> **SUPPLIED RECORDS**
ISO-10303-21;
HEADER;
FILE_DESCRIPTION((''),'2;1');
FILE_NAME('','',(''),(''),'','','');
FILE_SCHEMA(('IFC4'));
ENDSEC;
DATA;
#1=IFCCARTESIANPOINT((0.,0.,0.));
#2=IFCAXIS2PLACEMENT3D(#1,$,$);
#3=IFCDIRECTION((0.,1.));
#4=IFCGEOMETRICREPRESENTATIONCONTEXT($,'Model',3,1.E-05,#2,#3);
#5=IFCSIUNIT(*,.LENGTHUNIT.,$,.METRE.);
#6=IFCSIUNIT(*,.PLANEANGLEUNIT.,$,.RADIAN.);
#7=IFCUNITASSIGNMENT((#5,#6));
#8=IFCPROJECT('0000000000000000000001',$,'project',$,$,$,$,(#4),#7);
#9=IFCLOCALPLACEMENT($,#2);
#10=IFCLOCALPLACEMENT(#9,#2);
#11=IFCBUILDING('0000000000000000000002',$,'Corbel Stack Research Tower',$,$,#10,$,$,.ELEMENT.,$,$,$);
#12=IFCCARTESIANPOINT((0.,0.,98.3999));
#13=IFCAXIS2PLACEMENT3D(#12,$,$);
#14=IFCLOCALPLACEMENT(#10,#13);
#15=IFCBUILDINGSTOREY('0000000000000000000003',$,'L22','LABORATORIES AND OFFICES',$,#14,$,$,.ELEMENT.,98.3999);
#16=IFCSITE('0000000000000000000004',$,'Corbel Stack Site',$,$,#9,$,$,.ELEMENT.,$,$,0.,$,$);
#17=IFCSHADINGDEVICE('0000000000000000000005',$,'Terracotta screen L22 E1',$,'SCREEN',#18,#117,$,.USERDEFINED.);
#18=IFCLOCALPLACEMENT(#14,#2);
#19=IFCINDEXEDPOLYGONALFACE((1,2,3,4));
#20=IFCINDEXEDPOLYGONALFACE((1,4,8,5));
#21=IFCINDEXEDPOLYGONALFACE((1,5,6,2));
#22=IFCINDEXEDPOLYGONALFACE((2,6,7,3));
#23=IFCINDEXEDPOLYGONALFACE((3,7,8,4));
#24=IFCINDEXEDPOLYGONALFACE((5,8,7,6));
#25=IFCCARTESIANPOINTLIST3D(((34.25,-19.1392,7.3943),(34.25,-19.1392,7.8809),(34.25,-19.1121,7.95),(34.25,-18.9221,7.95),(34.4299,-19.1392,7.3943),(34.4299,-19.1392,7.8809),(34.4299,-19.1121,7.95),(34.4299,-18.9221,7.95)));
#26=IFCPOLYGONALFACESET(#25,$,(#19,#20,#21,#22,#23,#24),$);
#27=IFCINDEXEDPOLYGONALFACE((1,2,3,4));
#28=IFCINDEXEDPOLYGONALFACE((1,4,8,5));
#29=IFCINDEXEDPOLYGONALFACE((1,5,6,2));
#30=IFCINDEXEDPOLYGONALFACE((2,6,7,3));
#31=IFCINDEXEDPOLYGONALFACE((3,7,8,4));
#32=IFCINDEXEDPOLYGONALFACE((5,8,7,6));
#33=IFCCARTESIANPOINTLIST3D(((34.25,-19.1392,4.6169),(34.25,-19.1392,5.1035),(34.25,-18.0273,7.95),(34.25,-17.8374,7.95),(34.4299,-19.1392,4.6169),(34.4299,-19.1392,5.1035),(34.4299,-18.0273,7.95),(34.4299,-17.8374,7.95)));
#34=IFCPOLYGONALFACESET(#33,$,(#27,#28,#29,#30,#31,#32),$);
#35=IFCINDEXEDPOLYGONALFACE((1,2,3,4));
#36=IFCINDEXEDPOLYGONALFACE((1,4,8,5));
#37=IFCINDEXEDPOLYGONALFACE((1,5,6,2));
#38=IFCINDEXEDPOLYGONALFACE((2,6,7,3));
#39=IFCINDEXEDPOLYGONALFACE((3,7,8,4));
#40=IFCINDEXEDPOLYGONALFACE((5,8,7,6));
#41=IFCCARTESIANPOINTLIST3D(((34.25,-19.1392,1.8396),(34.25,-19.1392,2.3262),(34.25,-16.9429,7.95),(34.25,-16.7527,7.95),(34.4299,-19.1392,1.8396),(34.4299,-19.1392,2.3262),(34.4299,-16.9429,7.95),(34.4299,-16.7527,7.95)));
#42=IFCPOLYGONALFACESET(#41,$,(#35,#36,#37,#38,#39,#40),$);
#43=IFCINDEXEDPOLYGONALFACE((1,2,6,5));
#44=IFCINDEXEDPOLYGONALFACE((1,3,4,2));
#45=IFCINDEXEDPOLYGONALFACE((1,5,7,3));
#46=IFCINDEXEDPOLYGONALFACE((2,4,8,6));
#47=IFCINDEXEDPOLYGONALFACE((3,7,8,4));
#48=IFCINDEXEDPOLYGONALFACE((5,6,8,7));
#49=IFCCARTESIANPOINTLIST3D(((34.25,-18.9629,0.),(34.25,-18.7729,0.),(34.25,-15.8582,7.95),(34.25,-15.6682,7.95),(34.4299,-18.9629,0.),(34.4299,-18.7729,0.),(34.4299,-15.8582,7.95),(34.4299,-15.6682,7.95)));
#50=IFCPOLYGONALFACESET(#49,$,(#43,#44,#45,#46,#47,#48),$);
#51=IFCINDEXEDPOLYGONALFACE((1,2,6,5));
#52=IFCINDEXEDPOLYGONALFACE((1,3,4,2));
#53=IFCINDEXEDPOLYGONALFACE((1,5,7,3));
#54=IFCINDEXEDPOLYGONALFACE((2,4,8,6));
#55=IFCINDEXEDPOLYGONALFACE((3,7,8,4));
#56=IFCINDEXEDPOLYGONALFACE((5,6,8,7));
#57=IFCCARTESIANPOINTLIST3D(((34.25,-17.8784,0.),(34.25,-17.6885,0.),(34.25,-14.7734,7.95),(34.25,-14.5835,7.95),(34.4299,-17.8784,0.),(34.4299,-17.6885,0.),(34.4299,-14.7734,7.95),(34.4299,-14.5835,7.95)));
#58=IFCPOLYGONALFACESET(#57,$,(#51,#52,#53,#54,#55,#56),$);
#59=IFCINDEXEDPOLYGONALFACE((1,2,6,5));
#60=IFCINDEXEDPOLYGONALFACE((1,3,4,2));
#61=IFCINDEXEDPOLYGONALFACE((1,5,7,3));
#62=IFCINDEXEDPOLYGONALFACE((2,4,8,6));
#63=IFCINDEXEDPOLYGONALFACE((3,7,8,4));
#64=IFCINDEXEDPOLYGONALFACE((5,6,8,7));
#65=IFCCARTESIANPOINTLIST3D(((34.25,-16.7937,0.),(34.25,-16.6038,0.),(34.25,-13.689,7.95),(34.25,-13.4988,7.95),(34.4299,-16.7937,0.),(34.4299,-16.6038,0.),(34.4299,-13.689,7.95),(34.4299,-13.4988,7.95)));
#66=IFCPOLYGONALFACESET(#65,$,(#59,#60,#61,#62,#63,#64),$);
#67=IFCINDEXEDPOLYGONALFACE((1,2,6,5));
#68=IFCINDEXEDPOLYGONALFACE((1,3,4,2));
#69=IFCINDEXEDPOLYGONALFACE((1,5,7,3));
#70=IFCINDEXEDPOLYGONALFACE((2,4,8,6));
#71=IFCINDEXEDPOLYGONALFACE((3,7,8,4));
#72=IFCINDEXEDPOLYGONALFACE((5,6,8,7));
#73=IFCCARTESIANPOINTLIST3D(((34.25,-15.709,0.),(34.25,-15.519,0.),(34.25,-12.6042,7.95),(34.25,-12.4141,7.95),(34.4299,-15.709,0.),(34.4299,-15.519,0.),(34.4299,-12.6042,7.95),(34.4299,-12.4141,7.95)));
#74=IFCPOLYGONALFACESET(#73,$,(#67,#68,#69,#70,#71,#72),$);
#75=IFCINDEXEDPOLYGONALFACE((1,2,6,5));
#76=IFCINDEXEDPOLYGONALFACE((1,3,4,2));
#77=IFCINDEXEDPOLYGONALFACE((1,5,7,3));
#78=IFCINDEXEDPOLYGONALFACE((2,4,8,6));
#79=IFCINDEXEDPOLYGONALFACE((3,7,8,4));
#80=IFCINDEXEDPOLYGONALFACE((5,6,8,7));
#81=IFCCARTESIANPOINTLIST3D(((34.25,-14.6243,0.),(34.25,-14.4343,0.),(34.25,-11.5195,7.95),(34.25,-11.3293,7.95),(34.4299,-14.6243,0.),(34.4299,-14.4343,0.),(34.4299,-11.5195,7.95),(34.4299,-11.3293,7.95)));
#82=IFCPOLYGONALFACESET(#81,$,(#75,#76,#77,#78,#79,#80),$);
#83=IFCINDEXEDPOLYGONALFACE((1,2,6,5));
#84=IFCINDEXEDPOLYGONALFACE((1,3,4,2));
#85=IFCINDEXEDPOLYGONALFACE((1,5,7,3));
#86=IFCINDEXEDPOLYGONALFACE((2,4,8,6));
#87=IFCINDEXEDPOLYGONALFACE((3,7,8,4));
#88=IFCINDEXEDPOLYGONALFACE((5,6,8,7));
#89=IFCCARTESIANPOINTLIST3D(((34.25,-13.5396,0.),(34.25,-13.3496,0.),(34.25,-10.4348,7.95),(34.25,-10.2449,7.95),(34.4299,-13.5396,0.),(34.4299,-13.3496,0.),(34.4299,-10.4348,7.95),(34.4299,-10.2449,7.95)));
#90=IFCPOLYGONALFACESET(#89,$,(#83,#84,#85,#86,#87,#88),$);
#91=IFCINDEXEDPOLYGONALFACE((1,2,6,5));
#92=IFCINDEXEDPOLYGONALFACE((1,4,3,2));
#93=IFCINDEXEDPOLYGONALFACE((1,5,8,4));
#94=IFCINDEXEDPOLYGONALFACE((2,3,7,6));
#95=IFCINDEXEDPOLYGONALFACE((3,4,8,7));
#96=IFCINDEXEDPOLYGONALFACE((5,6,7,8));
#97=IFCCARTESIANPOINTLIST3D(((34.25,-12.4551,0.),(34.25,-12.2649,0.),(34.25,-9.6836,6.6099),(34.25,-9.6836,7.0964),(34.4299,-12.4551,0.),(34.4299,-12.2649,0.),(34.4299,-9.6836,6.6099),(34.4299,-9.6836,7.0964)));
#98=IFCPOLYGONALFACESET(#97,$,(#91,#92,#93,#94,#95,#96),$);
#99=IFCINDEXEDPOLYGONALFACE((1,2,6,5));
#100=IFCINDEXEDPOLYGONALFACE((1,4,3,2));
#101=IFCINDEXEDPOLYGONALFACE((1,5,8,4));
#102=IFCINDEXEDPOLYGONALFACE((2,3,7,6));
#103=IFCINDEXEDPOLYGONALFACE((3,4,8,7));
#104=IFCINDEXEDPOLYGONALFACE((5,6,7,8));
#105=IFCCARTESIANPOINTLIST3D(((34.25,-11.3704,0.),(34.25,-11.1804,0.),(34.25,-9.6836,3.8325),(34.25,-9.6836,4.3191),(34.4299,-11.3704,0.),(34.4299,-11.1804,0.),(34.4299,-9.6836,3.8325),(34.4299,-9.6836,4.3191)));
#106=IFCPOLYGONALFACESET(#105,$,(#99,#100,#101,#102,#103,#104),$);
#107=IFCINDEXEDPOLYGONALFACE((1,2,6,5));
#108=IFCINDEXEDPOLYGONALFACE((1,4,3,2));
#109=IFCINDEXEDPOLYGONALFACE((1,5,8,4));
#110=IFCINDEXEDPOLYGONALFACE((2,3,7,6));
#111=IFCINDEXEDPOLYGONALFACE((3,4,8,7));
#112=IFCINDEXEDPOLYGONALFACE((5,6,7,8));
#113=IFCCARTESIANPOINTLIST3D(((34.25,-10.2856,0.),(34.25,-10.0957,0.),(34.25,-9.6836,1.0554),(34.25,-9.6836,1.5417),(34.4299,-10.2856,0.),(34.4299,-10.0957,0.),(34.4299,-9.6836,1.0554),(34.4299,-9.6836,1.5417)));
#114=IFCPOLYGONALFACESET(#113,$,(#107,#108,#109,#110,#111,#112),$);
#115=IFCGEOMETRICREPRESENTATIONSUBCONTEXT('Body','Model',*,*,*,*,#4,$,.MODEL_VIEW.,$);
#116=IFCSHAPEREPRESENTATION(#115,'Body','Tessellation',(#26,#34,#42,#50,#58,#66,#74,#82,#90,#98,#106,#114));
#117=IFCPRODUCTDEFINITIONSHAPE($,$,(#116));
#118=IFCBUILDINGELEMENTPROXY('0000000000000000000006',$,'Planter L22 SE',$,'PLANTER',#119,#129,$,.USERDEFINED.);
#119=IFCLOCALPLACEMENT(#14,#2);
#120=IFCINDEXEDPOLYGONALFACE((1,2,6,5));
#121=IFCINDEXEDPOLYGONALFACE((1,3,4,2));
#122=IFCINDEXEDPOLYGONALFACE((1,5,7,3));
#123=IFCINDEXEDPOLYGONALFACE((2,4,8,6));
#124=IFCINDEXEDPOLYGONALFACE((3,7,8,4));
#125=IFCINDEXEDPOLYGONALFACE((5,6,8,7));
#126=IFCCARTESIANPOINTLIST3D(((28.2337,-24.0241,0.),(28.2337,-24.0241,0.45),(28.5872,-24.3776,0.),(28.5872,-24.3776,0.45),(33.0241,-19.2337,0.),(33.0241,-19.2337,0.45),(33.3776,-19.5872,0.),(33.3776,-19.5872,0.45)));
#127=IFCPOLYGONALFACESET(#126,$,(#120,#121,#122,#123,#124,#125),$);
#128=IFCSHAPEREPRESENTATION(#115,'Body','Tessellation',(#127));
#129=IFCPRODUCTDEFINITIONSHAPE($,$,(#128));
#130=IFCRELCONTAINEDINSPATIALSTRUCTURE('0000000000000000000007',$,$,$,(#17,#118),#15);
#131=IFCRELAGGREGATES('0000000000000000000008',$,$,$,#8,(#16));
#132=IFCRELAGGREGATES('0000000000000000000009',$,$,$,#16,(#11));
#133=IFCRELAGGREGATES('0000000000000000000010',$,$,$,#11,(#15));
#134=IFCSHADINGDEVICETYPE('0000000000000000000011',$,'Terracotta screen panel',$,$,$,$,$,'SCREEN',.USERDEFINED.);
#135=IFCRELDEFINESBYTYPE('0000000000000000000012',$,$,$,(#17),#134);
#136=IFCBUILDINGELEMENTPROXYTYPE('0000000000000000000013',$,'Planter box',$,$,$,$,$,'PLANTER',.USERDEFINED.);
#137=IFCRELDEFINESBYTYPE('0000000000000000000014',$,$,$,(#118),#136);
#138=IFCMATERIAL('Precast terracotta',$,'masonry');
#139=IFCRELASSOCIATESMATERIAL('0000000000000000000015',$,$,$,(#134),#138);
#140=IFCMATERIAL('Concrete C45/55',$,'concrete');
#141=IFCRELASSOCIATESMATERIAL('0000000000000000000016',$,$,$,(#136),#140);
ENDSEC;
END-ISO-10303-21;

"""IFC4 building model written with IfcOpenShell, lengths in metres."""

from ifc_helpers import new_model, si_unit, direction, frame, origin, origin_2d, place, context, subcontext, project, spatial, polyline, rectangle, outline, extrude, source, transform, mapped, material, type_object, element, save


model = new_model("IFC4")

# Units and contexts
model_context = context("Model", 3, precision=1e-05, world=origin(), true_north=direction((0.0, 1.0)))
body_context = subcontext(model_context, "Body", "Model", "MODEL_VIEW")
ifc_project = project(units=[si_unit("LENGTHUNIT", "METRE"), si_unit("PLANEANGLEUNIT", "RADIAN")], contexts=[model_context])

# Site, building, storey
site_placement = place(None, origin())
site = spatial("IfcSite", under=ifc_project, at=site_placement, Name="Corbel Stack Site", CompositionType="ELEMENT", RefElevation=0.0)
building_placement = place(site_placement, origin())
building = spatial("IfcBuilding", under=site, at=building_placement, Name="Corbel Stack Research Tower", CompositionType="ELEMENT")
storey_placement = place(building_placement, frame((0.0, 0.0, 98.3999)))
storey = spatial("IfcBuildingStorey", under=building, at=storey_placement, Name="L22", Description="LABORATORIES AND OFFICES", CompositionType="ELEMENT", Elevation=98.3999)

> **TASK DETAILS**
Only the lines above from the one with "#48=IFCINDEXEDPOLYGONALFACE((5,6,8,7));" up to and including the one with "#82=IFCPOLYGONALFACESET(#81,$,(#75,#76,#77,#78,#79,#80),$);" should be repeated, exactly as written.

> **ANSWER FOR THIS EXERCISE**
#48=IFCINDEXEDPOLYGONALFACE((5,6,8,7));
#49=IFCCARTESIANPOINTLIST3D(((34.25,-18.9629,0.),(34.25,-18.7729,0.),(34.25,-15.8582,7.95),(34.25,-15.6682,7.95),(34.4299,-18.9629,0.),(34.4299,-18.7729,0.),(34.4299,-15.8582,7.95),(34.4299,-15.6682,7.95)));
#50=IFCPOLYGONALFACESET(#49,$,(#43,#44,#45,#46,#47,#48),$);
#51=IFCINDEXEDPOLYGONALFACE((1,2,6,5));
#52=IFCINDEXEDPOLYGONALFACE((1,3,4,2));
#53=IFCINDEXEDPOLYGONALFACE((1,5,7,3));
#54=IFCINDEXEDPOLYGONALFACE((2,4,8,6));
#55=IFCINDEXEDPOLYGONALFACE((3,7,8,4));
#56=IFCINDEXEDPOLYGONALFACE((5,6,8,7));
#57=IFCCARTESIANPOINTLIST3D(((34.25,-17.8784,0.),(34.25,-17.6885,0.),(34.25,-14.7734,7.95),(34.25,-14.5835,7.95),(34.4299,-17.8784,0.),(34.4299,-17.6885,0.),(34.4299,-14.7734,7.95),(34.4299,-14.5835,7.95)));
#58=IFCPOLYGONALFACESET(#57,$,(#51,#52,#53,#54,#55,#56),$);
#59=IFCINDEXEDPOLYGONALFACE((1,2,6,5));
#60=IFCINDEXEDPOLYGONALFACE((1,3,4,2));
#61=IFCINDEXEDPOLYGONALFACE((1,5,7,3));
#62=IFCINDEXEDPOLYGONALFACE((2,4,8,6));
#63=IFCINDEXEDPOLYGONALFACE((3,7,8,4));
#64=IFCINDEXEDPOLYGONALFACE((5,6,8,7));
#65=IFCCARTESIANPOINTLIST3D(((34.25,-16.7937,0.),(34.25,-16.6038,0.),(34.25,-13.689,7.95),(34.25,-13.4988,7.95),(34.4299,-16.7937,0.),(34.4299,-16.6038,0.),(34.4299,-13.689,7.95),(34.4299,-13.4988,7.95)));
#66=IFCPOLYGONALFACESET(#65,$,(#59,#60,#61,#62,#63,#64),$);
#67=IFCINDEXEDPOLYGONALFACE((1,2,6,5));
#68=IFCINDEXEDPOLYGONALFACE((1,3,4,2));
#69=IFCINDEXEDPOLYGONALFACE((1,5,7,3));
#70=IFCINDEXEDPOLYGONALFACE((2,4,8,6));
#71=IFCINDEXEDPOLYGONALFACE((3,7,8,4));
#72=IFCINDEXEDPOLYGONALFACE((5,6,8,7));
#73=IFCCARTESIANPOINTLIST3D(((34.25,-15.709,0.),(34.25,-15.519,0.),(34.25,-12.6042,7.95),(34.25,-12.4141,7.95),(34.4299,-15.709,0.),(34.4299,-15.519,0.),(34.4299,-12.6042,7.95),(34.4299,-12.4141,7.95)));
#74=IFCPOLYGONALFACESET(#73,$,(#67,#68,#69,#70,#71,#72),$);
#75=IFCINDEXEDPOLYGONALFACE((1,2,6,5));
#76=IFCINDEXEDPOLYGONALFACE((1,3,4,2));
#77=IFCINDEXEDPOLYGONALFACE((1,5,7,3));
#78=IFCINDEXEDPOLYGONALFACE((2,4,8,6));
#79=IFCINDEXEDPOLYGONALFACE((3,7,8,4));
#80=IFCINDEXEDPOLYGONALFACE((5,6,8,7));
#81=IFCCARTESIANPOINTLIST3D(((34.25,-14.6243,0.),(34.25,-14.4343,0.),(34.25,-11.5195,7.95),(34.25,-11.3293,7.95),(34.4299,-14.6243,0.),(34.4299,-14.4343,0.),(34.4299,-11.5195,7.95),(34.4299,-11.3293,7.95)));
#82=IFCPOLYGONALFACESET(#81,$,(#75,#76,#77,#78,#79,#80),$);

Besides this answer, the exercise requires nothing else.